• Work to complete:
Could you output all of the records below exactly as they appear?

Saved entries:
________________________________________
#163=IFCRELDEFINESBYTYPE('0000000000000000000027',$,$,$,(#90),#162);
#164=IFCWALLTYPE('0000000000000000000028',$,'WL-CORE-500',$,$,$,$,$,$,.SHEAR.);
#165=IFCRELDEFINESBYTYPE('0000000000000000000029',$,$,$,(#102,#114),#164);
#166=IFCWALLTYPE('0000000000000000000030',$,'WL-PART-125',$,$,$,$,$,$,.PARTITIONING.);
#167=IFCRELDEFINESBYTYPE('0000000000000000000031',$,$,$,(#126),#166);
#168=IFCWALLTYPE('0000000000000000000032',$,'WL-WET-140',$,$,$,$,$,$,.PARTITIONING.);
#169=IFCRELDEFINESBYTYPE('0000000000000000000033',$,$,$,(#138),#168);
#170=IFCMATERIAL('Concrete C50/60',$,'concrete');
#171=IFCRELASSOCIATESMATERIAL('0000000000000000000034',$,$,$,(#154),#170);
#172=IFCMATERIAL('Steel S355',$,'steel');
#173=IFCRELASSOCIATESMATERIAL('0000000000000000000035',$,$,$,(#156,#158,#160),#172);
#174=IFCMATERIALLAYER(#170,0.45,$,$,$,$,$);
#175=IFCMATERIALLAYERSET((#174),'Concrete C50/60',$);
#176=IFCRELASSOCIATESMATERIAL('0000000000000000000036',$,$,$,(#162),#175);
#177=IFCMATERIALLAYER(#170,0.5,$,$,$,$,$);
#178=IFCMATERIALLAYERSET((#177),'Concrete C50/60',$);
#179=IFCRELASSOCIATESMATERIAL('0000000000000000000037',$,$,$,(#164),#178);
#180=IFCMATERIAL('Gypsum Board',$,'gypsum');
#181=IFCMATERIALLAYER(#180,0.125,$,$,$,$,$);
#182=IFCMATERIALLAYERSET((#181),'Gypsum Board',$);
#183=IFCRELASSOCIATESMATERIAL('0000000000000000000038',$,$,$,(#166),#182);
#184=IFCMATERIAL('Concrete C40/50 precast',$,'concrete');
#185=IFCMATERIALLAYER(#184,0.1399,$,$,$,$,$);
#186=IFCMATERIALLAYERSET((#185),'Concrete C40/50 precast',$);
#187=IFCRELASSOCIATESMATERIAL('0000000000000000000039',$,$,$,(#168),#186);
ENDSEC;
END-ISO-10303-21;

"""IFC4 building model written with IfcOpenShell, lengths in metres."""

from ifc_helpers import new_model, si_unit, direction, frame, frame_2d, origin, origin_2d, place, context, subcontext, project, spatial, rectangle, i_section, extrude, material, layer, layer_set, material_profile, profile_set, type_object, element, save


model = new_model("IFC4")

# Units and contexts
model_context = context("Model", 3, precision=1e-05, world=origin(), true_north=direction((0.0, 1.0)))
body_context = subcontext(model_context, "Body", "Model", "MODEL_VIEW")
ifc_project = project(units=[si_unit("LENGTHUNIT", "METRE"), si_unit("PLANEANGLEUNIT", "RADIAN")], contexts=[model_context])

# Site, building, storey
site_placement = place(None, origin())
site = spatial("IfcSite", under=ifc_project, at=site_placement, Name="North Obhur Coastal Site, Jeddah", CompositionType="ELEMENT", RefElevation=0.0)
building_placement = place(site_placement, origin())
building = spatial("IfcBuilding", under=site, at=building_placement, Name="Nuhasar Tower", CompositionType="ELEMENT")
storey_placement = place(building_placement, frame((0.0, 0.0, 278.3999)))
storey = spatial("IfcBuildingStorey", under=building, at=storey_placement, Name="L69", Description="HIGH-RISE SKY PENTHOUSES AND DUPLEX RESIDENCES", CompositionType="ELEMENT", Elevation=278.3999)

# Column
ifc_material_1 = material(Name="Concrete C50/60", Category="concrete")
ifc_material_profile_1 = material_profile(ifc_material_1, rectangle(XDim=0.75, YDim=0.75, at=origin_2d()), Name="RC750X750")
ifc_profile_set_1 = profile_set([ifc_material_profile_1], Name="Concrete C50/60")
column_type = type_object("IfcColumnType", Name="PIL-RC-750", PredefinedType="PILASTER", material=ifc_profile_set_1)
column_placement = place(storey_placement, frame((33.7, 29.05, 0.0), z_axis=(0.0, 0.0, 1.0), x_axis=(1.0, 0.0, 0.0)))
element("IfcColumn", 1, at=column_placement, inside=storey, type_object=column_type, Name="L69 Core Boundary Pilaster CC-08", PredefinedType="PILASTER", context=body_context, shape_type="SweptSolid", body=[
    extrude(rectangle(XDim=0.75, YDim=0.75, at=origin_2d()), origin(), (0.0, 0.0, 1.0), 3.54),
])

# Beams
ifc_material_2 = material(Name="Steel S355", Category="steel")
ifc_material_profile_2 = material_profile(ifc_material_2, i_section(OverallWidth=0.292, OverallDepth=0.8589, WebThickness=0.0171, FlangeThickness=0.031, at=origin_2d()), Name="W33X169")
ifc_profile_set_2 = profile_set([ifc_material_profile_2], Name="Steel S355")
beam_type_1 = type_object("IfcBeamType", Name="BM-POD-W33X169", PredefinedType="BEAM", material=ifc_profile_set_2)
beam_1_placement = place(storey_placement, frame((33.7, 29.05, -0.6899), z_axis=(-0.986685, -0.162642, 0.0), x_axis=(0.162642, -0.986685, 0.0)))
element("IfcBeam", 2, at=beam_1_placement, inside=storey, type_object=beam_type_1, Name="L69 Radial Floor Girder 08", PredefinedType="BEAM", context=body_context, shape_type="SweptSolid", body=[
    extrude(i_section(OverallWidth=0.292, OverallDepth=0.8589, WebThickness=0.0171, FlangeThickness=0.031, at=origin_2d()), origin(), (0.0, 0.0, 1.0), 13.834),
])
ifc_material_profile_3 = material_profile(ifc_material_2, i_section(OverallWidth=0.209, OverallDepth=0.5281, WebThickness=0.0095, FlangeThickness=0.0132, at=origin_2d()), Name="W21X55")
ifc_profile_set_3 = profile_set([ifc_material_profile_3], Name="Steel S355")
________________________________________
• Reply:
#163=IFCRELDEFINESBYTYPE('0000000000000000000027',$,$,$,(#90),#162);
#164=IFCWALLTYPE('0000000000000000000028',$,'WL-CORE-500',$,$,$,$,$,$,.SHEAR.);
#165=IFCRELDEFINESBYTYPE('0000000000000000000029',$,$,$,(#102,#114),#164);
#166=IFCWALLTYPE('0000000000000000000030',$,'WL-PART-125',$,$,$,$,$,$,.PARTITIONING.);
#167=IFCRELDEFINESBYTYPE('0000000000000000000031',$,$,$,(#126),#166);
#168=IFCWALLTYPE('0000000000000000000032',$,'WL-WET-140',$,$,$,$,$,$,.PARTITIONING.);
#169=IFCRELDEFINESBYTYPE('0000000000000000000033',$,$,$,(#138),#168);
#170=IFCMATERIAL('Concrete C50/60',$,'concrete');
#171=IFCRELASSOCIATESMATERIAL('0000000000000000000034',$,$,$,(#154),#170);
#172=IFCMATERIAL('Steel S355',$,'steel');
#173=IFCRELASSOCIATESMATERIAL('0000000000000000000035',$,$,$,(#156,#158,#160),#172);
#174=IFCMATERIALLAYER(#170,0.45,$,$,$,$,$);
#175=IFCMATERIALLAYERSET((#174),'Concrete C50/60',$);
#176=IFCRELASSOCIATESMATERIAL('0000000000000000000036',$,$,$,(#162),#175);
#177=IFCMATERIALLAYER(#170,0.5,$,$,$,$,$);
#178=IFCMATERIALLAYERSET((#177),'Concrete C50/60',$);
#179=IFCRELASSOCIATESMATERIAL('0000000000000000000037',$,$,$,(#164),#178);
#180=IFCMATERIAL('Gypsum Board',$,'gypsum');
#181=IFCMATERIALLAYER(#180,0.125,$,$,$,$,$);
#182=IFCMATERIALLAYERSET((#181),'Gypsum Board',$);
#183=IFCRELASSOCIATESMATERIAL('0000000000000000000038',$,$,$,(#166),#182);
#184=IFCMATERIAL('Concrete C40/50 precast',$,'concrete');
#185=IFCMATERIALLAYER(#184,0.1399,$,$,$,$,$);
#186=IFCMATERIALLAYERSET((#185),'Concrete C40/50 precast',$);
#187=IFCRELASSOCIATESMATERIAL('0000000000000000000039',$,$,$,(#168),#186);
ENDSEC;
END-ISO-10303-21;

"""IFC4 building model written with IfcOpenShell, lengths in metres."""

from ifc_helpers import new_model, si_unit, direction, frame, frame_2d, origin, origin_2d, place, context, subcontext, project, spatial, rectangle, i_section, extrude, material, layer, layer_set, material_profile, profile_set, type_object, element, save


model = new_model("IFC4")

# Units and contexts
model_context = context("Model", 3, precision=1e-05, world=origin(), true_north=direction((0.0, 1.0)))
body_context = subcontext(model_context, "Body", "Model", "MODEL_VIEW")
ifc_project = project(units=[si_unit("LENGTHUNIT", "METRE"), si_unit("PLANEANGLEUNIT", "RADIAN")], contexts=[model_context])

# Site, building, storey
site_placement = place(None, origin())
site = spatial("IfcSite", under=ifc_project, at=site_placement, Name="North Obhur Coastal Site, Jeddah", CompositionType="ELEMENT", RefElevation=0.0)
building_placement = place(site_placement, origin())
building = spatial("IfcBuilding", under=site, at=building_placement, Name="Nuhasar Tower", CompositionType="ELEMENT")
storey_placement = place(building_placement, frame((0.0, 0.0, 278.3999)))
storey = spatial("IfcBuildingStorey", under=building, at=storey_placement, Name="L69", Description="HIGH-RISE SKY PENTHOUSES AND DUPLEX RESIDENCES", CompositionType="ELEMENT", Elevation=278.3999)

# Column
ifc_material_1 = material(Name="Concrete C50/60", Category="concrete")
ifc_material_profile_1 = material_profile(ifc_material_1, rectangle(XDim=0.75, YDim=0.75, at=origin_2d()), Name="RC750X750")
ifc_profile_set_1 = profile_set([ifc_material_profile_1], Name="Concrete C50/60")
column_type = type_object("IfcColumnType", Name="PIL-RC-750", PredefinedType="PILASTER", material=ifc_profile_set_1)
column_placement = place(storey_placement, frame((33.7, 29.05, 0.0), z_axis=(0.0, 0.0, 1.0), x_axis=(1.0, 0.0, 0.0)))
element("IfcColumn", 1, at=column_placement, inside=storey, type_object=column_type, Name="L69 Core Boundary Pilaster CC-08", PredefinedType="PILASTER", context=body_context, shape_type="SweptSolid", body=[
    extrude(rectangle(XDim=0.75, YDim=0.75, at=origin_2d()), origin(), (0.0, 0.0, 1.0), 3.54),
])

# Beams
ifc_material_2 = material(Name="Steel S355", Category="steel")
ifc_material_profile_2 = material_profile(ifc_material_2, i_section(OverallWidth=0.292, OverallDepth=0.8589, WebThickness=0.0171, FlangeThickness=0.031, at=origin_2d()), Name="W33X169")
ifc_profile_set_2 = profile_set([ifc_material_profile_2], Name="Steel S355")
beam_type_1 = type_object("IfcBeamType", Name="BM-POD-W33X169", PredefinedType="BEAM", material=ifc_profile_set_2)
beam_1_placement = place(storey_placement, frame((33.7, 29.05, -0.6899), z_axis=(-0.986685, -0.162642, 0.0), x_axis=(0.162642, -0.986685, 0.0)))
element("IfcBeam", 2, at=beam_1_placement, inside=storey, type_object=beam_type_1, Name="L69 Radial Floor Girder 08", PredefinedType="BEAM", context=body_context, shape_type="SweptSolid", body=[
    extrude(i_section(OverallWidth=0.292, OverallDepth=0.8589, WebThickness=0.0171, FlangeThickness=0.031, at=origin_2d()), origin(), (0.0, 0.0, 1.0), 13.834),
])
ifc_material_profile_3 = material_profile(ifc_material_2, i_section(OverallWidth=0.209, OverallDepth=0.5281, WebThickness=0.0095, FlangeThickness=0.0132, at=origin_2d()), Name="W21X55")
ifc_profile_set_3 = profile_set([ifc_material_profile_3], Name="Steel S355")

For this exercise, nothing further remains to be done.